[Stored data]
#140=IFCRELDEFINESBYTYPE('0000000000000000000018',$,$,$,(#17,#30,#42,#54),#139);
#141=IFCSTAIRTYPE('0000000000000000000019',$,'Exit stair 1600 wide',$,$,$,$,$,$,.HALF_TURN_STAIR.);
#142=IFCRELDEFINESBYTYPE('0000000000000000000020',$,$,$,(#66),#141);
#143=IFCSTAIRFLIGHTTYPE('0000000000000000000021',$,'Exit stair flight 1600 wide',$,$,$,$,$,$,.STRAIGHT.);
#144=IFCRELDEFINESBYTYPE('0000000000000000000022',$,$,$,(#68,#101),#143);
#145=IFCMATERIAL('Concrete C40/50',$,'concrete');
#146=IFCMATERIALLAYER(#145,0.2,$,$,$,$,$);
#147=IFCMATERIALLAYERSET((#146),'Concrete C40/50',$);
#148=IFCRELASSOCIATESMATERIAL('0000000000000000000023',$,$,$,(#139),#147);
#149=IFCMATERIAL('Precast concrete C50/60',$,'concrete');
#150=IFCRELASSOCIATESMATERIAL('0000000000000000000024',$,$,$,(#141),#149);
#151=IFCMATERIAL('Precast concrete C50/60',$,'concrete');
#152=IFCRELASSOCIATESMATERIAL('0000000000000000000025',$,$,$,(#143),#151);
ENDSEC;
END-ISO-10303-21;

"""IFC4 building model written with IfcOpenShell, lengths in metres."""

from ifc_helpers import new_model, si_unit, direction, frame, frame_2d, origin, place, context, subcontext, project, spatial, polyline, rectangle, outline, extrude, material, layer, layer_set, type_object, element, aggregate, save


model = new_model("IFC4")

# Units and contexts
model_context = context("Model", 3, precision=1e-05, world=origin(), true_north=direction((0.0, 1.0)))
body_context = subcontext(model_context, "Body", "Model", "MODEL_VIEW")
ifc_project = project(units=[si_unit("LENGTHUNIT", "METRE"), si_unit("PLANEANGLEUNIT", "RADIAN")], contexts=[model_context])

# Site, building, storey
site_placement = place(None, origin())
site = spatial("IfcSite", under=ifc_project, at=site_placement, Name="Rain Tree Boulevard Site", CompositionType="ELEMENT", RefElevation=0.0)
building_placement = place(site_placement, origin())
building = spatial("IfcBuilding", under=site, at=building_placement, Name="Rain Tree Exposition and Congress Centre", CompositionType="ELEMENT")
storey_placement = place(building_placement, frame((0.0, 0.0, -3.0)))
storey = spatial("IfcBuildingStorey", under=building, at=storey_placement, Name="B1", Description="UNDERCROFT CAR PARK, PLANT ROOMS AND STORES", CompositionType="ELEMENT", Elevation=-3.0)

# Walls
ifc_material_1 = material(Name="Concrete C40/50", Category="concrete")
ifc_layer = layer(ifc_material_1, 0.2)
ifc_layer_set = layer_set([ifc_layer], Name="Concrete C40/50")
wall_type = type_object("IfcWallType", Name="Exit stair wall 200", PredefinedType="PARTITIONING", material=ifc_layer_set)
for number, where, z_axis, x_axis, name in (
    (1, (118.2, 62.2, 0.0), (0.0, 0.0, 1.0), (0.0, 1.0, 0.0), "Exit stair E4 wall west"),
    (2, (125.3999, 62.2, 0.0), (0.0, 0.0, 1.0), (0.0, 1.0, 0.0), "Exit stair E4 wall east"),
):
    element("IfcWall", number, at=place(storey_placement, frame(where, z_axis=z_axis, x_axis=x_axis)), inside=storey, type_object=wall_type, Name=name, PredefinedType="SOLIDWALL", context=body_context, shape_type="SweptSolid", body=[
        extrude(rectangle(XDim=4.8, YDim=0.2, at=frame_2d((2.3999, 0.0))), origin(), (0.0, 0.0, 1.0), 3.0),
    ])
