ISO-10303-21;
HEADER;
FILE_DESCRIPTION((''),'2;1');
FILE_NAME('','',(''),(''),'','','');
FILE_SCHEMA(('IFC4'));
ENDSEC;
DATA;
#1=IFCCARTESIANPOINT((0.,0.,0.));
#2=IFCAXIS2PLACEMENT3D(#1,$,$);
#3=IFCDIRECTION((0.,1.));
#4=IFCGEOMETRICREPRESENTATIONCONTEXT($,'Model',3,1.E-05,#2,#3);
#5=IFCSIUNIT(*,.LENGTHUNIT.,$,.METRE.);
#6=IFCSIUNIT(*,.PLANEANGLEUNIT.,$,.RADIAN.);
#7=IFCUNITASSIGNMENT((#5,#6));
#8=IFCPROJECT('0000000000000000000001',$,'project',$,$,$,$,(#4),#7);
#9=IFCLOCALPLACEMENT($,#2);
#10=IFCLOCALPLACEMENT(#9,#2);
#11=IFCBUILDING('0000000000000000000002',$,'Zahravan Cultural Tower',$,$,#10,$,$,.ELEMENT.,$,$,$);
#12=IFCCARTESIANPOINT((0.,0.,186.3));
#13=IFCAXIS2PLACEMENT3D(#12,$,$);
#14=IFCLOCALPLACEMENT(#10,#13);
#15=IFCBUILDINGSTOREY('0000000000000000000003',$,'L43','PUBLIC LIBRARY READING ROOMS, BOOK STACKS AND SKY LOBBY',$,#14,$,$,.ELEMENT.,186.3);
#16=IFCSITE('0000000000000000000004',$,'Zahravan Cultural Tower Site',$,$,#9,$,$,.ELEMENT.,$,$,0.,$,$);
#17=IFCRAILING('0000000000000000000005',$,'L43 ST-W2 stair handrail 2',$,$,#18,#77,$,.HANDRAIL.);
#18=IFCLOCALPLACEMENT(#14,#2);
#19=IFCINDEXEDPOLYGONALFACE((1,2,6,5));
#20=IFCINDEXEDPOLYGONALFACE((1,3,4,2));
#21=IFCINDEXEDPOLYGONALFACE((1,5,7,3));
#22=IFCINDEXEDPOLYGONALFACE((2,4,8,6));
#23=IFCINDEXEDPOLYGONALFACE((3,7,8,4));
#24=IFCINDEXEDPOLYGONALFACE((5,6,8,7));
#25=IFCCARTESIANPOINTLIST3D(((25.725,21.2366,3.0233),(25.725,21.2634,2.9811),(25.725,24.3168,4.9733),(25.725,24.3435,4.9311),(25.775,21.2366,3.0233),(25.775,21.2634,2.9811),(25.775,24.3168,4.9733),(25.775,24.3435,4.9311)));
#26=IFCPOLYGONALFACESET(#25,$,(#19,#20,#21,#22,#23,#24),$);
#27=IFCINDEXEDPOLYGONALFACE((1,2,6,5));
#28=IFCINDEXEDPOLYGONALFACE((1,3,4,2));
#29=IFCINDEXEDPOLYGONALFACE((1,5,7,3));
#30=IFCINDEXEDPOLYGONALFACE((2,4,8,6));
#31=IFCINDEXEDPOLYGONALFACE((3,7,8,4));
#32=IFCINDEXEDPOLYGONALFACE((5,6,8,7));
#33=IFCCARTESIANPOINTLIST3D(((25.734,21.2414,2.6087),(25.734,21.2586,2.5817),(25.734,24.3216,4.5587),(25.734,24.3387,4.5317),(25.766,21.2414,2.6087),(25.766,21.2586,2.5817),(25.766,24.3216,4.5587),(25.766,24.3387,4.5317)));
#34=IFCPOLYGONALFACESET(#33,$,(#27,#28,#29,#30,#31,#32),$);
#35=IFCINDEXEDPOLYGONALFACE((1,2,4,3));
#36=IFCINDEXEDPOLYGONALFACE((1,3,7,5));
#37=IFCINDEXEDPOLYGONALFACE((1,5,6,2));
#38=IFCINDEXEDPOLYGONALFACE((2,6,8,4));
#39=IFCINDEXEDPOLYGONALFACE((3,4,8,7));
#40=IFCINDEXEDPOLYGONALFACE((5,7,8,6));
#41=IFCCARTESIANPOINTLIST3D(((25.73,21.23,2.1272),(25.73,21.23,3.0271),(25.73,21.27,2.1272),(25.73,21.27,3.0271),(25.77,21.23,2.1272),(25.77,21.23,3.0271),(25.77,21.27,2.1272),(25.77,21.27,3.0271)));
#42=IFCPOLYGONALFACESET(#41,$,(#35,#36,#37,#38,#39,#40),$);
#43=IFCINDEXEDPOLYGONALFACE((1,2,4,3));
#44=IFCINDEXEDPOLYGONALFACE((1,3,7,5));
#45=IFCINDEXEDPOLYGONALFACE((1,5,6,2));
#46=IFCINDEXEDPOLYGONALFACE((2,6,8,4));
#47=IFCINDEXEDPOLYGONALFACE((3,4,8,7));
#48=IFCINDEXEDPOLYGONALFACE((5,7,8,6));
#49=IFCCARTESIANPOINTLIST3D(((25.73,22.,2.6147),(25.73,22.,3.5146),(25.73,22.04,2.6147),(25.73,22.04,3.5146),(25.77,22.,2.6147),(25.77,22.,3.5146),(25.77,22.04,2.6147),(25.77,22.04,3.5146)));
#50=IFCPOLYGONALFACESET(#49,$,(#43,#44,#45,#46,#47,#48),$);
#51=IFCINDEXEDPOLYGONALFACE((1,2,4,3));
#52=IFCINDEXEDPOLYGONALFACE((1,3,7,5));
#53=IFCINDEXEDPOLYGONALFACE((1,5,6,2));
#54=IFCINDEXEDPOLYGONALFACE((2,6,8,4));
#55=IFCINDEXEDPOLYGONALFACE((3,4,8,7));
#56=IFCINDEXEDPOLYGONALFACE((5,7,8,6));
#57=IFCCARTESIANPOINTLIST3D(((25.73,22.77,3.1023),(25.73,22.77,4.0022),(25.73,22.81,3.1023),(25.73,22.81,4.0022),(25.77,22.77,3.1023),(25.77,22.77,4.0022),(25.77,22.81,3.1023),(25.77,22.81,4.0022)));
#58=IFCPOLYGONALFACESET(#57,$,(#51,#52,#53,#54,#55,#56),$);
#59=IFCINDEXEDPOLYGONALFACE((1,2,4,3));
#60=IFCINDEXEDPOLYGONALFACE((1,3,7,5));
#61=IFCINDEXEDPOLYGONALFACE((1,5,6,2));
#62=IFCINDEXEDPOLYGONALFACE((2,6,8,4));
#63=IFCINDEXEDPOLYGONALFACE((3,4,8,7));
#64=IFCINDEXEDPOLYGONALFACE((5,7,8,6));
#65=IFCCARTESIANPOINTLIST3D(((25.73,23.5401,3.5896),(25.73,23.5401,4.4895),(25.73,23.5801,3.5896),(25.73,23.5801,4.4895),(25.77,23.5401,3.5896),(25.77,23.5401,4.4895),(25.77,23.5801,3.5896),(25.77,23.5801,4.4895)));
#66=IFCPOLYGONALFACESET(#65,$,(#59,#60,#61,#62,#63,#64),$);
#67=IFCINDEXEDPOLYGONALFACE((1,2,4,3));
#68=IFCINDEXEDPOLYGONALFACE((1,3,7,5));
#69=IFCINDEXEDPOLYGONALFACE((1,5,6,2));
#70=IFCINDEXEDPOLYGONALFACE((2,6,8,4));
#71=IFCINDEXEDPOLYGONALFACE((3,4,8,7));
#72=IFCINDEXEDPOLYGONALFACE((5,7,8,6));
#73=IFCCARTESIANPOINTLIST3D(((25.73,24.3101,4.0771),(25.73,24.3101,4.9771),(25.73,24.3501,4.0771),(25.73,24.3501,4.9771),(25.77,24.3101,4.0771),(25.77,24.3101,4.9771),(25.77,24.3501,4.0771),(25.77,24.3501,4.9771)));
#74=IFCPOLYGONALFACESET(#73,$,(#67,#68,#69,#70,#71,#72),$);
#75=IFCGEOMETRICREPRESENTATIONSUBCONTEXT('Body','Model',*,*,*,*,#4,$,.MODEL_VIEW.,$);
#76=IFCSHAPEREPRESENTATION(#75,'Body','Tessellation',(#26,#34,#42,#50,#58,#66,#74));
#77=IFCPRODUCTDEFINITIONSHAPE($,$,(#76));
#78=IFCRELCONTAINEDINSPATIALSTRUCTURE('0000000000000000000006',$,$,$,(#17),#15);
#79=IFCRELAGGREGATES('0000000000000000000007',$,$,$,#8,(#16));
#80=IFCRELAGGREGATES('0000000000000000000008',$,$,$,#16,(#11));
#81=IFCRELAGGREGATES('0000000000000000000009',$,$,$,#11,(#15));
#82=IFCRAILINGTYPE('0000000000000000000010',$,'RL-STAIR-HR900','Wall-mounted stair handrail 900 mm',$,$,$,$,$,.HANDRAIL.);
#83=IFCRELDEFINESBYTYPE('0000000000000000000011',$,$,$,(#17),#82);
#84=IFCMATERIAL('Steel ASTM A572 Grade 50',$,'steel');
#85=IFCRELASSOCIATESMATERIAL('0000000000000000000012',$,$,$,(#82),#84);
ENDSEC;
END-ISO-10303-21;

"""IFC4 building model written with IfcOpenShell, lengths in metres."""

from ifc_helpers import new_model, si_unit, direction, frame, origin, origin_2d, place, context, subcontext, project, spatial, rectangle, extrude, material, type_object, element, save


model = new_model("IFC4")

# Units and contexts
model_context = context("Model", 3, precision=1e-05, world=origin(), true_north=direction((0.0, 1.0)))
body_context = subcontext(model_context, "Body", "Model", "MODEL_VIEW")
ifc_project = project(units=[si_unit("LENGTHUNIT", "METRE"), si_unit("PLANEANGLEUNIT", "RADIAN")], contexts=[model_context])

# Site, building, storey
site_placement = place(None, origin())
site = spatial("IfcSite", under=ifc_project, at=site_placement, Name="Zahravan Cultural Tower Site", CompositionType="ELEMENT", RefElevation=0.0)
building_placement = place(site_placement, origin())
building = spatial("IfcBuilding", under=site, at=building_placement, Name="Zahravan Cultural Tower", CompositionType="ELEMENT")
storey_placement = place(building_placement, frame((0.0, 0.0, 186.3)))
storey = spatial("IfcBuildingStorey", under=building, at=storey_placement, Name="L43", Description="PUBLIC LIBRARY READING ROOMS, BOOK STACKS AND SKY LOBBY", CompositionType="ELEMENT", Elevation=186.3)

# Shared definitions
ifc_material_1 = material(Name="Steel ASTM A572 Grade 50", Category="steel")

# Railing
railing_type_1 = type_object("IfcRailingType", Name="RL-STAIR-HR900", Description="Wall-mounted stair handrail 900 mm", PredefinedType="HANDRAIL", material=ifc_material_1)
railing_1_placement = place(storey_placement, frame((25.75, 21.25, 2.1272)))
element("IfcRailing", 1, at=railing_1_placement, inside=storey, type_object=railing_type_1, Name="L43 ST-W2 stair handrail 2", PredefinedType="HANDRAIL", context=body_context, shape_type="SweptSolid", body=[
    extrude(rectangle(XDim=0.05, YDim=0.05, at=origin_2d()), frame((0.0, 0.0, 0.875), z_axis=(0.0, 0.844914, 0.534902), x_axis=(-1.0, 0.0, 0.0)), (0.0, 0.0, 1.0), 3.6455),
    extrude(rectangle(XDim=0.032, YDim=0.032, at=origin_2d()), frame((0.0, 0.0, 0.468), z_axis=(0.0, 0.844914, 0.534902), x_axis=(-1.0, 0.0, 0.0)), (0.0, 0.0, 1.0), 3.6455),
    extrude(rectangle(XDim=0.04, YDim=0.04, at=origin_2d()), origin(), (0.0, 0.0, 1.0), 0.8999),
    extrude(rectangle(XDim=0.04, YDim=0.04, at=origin_2d()), frame((0.0, 0.77, 0.4875)), (0.0, 0.0, 1.0), 0.8999),
    extrude(rectangle(XDim=0.04, YDim=0.04, at=origin_2d()), frame((0.0, 1.54, 0.9751)), (0.0, 0.0, 1.0), 0.8999),
    extrude(rectangle(XDim=0.04, YDim=0.04, at=origin_2d()), frame((0.0, 2.3101, 1.4624)), (0.0, 0.0, 1.0), 0.8999),
    extrude(rectangle(XDim=0.04, YDim=0.04, at=origin_2d()), frame((0.0, 3.0801, 1.95)), (0.0, 0.0, 1.0), 0.8999),
])

save(model, "model.ifc")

§ YOUR ASSIGNMENT
Among the lines above, count those that hold the word "IFCRELASSOCIATESMATERIAL" and give only the count.

§ SOLUTION
4